How to complete this task:
In the listing that follows, the range to quote begins at the line that has "#215=IFCMATERIALLAYERSET((#214),'FIXED LIGHT PANEL" and ends after the line that has "# Curtain wall"; quote it verbatim and add nothing.

Given data:
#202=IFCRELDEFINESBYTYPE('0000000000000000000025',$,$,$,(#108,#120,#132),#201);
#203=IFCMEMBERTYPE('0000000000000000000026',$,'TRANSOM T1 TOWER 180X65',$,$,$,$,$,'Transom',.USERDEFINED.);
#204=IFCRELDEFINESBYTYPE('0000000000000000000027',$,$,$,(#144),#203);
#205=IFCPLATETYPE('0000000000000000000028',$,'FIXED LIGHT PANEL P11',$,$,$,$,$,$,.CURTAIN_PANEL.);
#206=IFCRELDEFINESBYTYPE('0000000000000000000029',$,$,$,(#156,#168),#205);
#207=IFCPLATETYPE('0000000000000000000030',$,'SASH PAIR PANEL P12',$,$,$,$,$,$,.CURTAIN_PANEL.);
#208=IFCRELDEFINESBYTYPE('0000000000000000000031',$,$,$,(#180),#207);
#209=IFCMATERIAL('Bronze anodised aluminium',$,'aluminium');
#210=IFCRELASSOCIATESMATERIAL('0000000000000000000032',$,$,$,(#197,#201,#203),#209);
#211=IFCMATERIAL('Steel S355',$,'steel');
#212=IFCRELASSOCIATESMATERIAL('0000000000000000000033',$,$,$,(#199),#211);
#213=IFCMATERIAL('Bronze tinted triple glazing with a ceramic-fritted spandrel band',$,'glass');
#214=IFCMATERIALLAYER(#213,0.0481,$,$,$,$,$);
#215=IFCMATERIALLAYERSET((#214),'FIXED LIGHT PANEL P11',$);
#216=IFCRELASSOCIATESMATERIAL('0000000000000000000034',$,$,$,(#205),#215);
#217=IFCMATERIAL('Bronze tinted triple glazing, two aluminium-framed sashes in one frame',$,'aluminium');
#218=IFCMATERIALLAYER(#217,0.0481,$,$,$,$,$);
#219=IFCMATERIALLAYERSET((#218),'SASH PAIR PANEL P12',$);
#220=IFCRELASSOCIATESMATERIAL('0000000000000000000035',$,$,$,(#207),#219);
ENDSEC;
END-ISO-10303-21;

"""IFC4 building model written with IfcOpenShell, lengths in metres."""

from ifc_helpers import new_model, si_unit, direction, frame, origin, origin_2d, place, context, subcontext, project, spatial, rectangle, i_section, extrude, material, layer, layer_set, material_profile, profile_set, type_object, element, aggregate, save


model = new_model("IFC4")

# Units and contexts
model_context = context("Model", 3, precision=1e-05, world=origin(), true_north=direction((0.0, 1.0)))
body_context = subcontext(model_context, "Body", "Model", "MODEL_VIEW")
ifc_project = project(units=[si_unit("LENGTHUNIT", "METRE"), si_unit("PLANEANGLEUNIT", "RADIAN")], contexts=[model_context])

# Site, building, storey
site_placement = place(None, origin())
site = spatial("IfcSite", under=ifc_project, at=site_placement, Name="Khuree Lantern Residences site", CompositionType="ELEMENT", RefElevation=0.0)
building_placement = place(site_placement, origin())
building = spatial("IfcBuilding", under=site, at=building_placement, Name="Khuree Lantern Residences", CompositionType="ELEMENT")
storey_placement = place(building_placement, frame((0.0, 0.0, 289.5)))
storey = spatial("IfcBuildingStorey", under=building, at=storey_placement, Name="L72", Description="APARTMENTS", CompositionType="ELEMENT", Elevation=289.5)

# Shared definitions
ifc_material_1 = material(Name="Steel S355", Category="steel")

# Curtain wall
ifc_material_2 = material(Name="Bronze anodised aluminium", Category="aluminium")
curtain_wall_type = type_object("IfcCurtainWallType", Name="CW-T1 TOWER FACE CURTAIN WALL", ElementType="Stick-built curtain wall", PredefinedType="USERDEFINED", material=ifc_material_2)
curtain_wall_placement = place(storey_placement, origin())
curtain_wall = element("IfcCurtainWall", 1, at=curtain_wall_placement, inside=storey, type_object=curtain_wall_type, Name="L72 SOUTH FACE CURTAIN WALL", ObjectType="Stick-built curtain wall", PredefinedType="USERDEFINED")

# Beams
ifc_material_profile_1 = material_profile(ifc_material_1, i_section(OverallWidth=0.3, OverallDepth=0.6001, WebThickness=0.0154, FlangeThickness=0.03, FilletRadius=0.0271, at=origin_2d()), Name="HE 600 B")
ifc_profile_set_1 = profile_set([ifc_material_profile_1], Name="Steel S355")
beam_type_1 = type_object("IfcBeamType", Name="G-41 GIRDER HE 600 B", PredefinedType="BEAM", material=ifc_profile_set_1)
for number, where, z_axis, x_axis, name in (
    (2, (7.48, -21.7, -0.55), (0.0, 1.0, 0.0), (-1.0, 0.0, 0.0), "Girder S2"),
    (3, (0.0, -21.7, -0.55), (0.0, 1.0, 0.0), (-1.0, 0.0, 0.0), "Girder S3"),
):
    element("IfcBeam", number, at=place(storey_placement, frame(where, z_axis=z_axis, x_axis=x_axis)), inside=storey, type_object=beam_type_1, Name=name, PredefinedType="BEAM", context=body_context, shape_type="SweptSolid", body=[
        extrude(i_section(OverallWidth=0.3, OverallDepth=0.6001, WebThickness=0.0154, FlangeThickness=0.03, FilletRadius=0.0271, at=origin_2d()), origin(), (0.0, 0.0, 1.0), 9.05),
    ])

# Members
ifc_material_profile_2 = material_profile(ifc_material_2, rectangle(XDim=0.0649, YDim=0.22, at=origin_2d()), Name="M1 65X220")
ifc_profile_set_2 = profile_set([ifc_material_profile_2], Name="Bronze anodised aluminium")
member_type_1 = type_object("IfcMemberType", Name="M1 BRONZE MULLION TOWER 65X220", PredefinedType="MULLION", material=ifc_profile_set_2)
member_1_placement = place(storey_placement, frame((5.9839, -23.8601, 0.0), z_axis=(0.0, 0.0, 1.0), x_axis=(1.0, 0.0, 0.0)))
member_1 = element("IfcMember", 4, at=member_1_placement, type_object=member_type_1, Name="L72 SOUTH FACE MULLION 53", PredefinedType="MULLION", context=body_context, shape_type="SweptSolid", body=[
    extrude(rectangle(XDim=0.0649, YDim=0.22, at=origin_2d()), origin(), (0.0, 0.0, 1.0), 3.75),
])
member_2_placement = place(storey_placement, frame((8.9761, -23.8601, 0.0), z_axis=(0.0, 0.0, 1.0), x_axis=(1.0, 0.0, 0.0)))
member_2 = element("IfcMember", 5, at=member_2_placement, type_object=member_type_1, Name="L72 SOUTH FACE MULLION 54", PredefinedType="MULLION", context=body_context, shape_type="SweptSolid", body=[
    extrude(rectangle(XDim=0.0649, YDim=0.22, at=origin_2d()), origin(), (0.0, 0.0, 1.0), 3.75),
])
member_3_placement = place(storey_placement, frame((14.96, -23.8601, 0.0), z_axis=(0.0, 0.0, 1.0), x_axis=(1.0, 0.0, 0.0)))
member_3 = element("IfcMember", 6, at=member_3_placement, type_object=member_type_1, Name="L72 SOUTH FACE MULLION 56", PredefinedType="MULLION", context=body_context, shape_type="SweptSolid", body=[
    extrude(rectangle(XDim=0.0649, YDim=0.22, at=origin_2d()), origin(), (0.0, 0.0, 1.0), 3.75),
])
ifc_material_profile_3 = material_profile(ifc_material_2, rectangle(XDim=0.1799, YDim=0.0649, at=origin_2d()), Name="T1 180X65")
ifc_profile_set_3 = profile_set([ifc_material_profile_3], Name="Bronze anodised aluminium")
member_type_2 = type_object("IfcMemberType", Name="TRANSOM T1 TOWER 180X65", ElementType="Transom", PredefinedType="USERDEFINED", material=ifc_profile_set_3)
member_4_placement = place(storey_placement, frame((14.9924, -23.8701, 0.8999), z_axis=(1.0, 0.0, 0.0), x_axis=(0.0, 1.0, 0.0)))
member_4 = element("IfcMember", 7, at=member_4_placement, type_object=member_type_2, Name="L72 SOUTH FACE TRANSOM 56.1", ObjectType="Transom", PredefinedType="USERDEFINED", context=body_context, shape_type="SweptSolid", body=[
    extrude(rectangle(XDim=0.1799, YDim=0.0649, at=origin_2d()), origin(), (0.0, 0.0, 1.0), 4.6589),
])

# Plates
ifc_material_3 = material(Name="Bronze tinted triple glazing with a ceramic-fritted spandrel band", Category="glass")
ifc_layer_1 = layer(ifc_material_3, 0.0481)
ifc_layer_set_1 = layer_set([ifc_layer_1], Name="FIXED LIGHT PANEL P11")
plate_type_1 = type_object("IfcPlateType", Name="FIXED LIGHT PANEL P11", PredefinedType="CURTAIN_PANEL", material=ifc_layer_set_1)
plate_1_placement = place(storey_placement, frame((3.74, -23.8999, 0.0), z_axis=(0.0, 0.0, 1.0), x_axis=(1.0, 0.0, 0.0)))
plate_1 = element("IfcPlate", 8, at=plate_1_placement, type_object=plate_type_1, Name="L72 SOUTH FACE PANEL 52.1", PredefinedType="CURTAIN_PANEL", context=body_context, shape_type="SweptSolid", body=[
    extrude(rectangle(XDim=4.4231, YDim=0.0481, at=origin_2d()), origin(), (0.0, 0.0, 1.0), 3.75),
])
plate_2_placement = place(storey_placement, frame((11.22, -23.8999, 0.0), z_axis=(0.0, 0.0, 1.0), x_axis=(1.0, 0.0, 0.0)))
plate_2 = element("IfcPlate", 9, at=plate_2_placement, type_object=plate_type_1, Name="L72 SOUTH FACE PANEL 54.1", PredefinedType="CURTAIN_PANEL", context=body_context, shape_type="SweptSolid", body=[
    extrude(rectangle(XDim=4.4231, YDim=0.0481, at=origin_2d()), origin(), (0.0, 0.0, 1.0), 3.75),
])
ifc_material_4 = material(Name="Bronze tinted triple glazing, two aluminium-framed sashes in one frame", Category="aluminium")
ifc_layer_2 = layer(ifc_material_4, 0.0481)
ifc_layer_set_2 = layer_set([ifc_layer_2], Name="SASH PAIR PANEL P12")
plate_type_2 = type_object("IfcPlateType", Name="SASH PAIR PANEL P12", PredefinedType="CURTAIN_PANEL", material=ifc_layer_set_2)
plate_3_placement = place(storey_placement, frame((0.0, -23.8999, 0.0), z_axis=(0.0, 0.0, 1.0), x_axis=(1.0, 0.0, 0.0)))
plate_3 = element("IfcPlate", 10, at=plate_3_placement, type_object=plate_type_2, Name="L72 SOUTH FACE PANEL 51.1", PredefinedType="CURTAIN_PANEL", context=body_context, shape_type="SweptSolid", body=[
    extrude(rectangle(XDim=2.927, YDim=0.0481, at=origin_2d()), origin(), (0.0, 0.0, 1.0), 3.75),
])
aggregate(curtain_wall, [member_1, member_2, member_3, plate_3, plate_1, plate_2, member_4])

--

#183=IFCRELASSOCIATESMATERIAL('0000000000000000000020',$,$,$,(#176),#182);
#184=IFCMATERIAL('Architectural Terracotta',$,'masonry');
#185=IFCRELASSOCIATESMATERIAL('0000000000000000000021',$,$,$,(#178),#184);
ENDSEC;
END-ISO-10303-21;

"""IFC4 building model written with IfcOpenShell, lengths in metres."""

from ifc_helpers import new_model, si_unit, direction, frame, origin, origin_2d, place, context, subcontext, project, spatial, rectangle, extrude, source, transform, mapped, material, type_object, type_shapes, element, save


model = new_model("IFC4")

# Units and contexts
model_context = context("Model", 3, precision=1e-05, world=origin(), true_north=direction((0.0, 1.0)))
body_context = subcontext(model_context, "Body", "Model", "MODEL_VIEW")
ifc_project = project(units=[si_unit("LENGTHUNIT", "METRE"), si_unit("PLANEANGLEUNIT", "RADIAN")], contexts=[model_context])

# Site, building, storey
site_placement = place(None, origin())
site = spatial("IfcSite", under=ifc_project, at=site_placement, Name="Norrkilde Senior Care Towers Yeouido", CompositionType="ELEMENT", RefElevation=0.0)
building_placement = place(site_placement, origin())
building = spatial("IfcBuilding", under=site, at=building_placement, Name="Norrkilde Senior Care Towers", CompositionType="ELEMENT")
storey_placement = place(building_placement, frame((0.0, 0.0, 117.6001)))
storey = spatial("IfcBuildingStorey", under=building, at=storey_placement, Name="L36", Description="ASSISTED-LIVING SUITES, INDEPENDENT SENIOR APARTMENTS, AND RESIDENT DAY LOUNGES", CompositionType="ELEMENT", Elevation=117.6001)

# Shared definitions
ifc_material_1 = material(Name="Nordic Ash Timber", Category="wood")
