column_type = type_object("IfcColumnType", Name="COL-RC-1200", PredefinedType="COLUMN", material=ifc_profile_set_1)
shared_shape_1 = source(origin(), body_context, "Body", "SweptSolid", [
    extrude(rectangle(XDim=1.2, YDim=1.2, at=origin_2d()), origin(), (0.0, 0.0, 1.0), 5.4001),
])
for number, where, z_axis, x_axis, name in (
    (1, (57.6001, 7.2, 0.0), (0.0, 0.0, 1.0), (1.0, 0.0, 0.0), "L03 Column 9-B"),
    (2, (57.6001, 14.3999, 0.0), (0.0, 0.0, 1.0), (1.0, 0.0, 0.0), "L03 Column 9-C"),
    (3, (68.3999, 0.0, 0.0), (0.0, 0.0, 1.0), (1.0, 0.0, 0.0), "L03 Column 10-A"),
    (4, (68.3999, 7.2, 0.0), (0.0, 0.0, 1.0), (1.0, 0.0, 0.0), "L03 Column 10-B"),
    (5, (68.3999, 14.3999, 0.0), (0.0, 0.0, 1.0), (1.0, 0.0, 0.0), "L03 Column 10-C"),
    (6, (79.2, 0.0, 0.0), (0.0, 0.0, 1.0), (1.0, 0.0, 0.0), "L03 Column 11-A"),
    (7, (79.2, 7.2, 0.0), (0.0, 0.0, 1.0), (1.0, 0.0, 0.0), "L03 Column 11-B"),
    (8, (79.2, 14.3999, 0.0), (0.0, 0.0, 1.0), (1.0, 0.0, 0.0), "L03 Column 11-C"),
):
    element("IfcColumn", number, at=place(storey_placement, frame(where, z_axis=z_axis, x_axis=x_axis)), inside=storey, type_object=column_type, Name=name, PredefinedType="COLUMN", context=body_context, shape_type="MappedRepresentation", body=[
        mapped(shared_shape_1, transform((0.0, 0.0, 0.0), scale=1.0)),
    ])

Solution to the problem:
#215=IFCMATERIALLAYERSET((#214),'FIXED LIGHT PANEL P11',$);
#216=IFCRELASSOCIATESMATERIAL('0000000000000000000034',$,$,$,(#205),#215);
#217=IFCMATERIAL('Bronze tinted triple glazing, two aluminium-framed sashes in one frame',$,'aluminium');
#218=IFCMATERIALLAYER(#217,0.0481,$,$,$,$,$);
#219=IFCMATERIALLAYERSET((#218),'SASH PAIR PANEL P12',$);
#220=IFCRELASSOCIATESMATERIAL('0000000000000000000035',$,$,$,(#207),#219);
ENDSEC;
END-ISO-10303-21;

"""IFC4 building model written with IfcOpenShell, lengths in metres."""

from ifc_helpers import new_model, si_unit, direction, frame, origin, origin_2d, place, context, subcontext, project, spatial, rectangle, i_section, extrude, material, layer, layer_set, material_profile, profile_set, type_object, element, aggregate, save


model = new_model("IFC4")

# Units and contexts
model_context = context("Model", 3, precision=1e-05, world=origin(), true_north=direction((0.0, 1.0)))
body_context = subcontext(model_context, "Body", "Model", "MODEL_VIEW")
ifc_project = project(units=[si_unit("LENGTHUNIT", "METRE"), si_unit("PLANEANGLEUNIT", "RADIAN")], contexts=[model_context])

# Site, building, storey
site_placement = place(None, origin())
site = spatial("IfcSite", under=ifc_project, at=site_placement, Name="Khuree Lantern Residences site", CompositionType="ELEMENT", RefElevation=0.0)
building_placement = place(site_placement, origin())
building = spatial("IfcBuilding", under=site, at=building_placement, Name="Khuree Lantern Residences", CompositionType="ELEMENT")
storey_placement = place(building_placement, frame((0.0, 0.0, 289.5)))
storey = spatial("IfcBuildingStorey", under=building, at=storey_placement, Name="L72", Description="APARTMENTS", CompositionType="ELEMENT", Elevation=289.5)

# Shared definitions
ifc_material_1 = material(Name="Steel S355", Category="steel")

# Curtain wall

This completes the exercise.